:: What is being asked ::
The data below holds the lines to copy: everything from the line containing "#197=IFCRELAGGREGATES('0000000000000000000012',$,$,$,#11,(#15));" to the line containing "beam SB-02 (W33X118)',$,$,$,$,$,.BEAM.);", both ends included, set down exactly.

:: Exercise data ::
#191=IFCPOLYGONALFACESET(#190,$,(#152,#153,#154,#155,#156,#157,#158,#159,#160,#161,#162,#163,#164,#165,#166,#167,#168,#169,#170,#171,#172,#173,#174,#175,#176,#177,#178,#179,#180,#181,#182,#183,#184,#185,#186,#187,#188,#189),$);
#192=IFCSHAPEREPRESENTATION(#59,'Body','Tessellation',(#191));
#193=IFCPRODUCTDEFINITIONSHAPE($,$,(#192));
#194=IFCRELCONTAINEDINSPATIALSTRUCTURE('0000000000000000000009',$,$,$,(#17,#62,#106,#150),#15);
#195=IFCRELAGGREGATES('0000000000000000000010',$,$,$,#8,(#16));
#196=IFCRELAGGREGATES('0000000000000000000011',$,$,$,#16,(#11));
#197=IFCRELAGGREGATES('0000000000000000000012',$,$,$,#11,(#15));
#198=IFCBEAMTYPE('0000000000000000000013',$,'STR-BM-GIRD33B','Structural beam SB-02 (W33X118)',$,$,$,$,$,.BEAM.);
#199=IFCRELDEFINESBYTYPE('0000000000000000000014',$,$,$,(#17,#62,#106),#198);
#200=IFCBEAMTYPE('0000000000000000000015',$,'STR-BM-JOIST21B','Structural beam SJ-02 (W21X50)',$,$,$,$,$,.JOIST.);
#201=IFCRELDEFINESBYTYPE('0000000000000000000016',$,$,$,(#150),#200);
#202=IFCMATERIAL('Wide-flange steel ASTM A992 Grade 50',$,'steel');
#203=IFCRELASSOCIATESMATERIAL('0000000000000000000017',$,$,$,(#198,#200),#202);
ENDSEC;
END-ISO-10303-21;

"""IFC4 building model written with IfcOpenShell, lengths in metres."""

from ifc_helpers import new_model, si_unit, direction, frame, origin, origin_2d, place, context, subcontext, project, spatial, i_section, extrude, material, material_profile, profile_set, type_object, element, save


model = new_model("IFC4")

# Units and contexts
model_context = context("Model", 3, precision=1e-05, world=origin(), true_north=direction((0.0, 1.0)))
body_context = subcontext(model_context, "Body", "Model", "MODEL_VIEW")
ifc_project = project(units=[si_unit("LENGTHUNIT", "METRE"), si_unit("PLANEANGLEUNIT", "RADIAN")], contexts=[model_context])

:: Solved exercise ::
#197=IFCRELAGGREGATES('0000000000000000000012',$,$,$,#11,(#15));
#198=IFCBEAMTYPE('0000000000000000000013',$,'STR-BM-GIRD33B','Structural beam SB-02 (W33X118)',$,$,$,$,$,.BEAM.);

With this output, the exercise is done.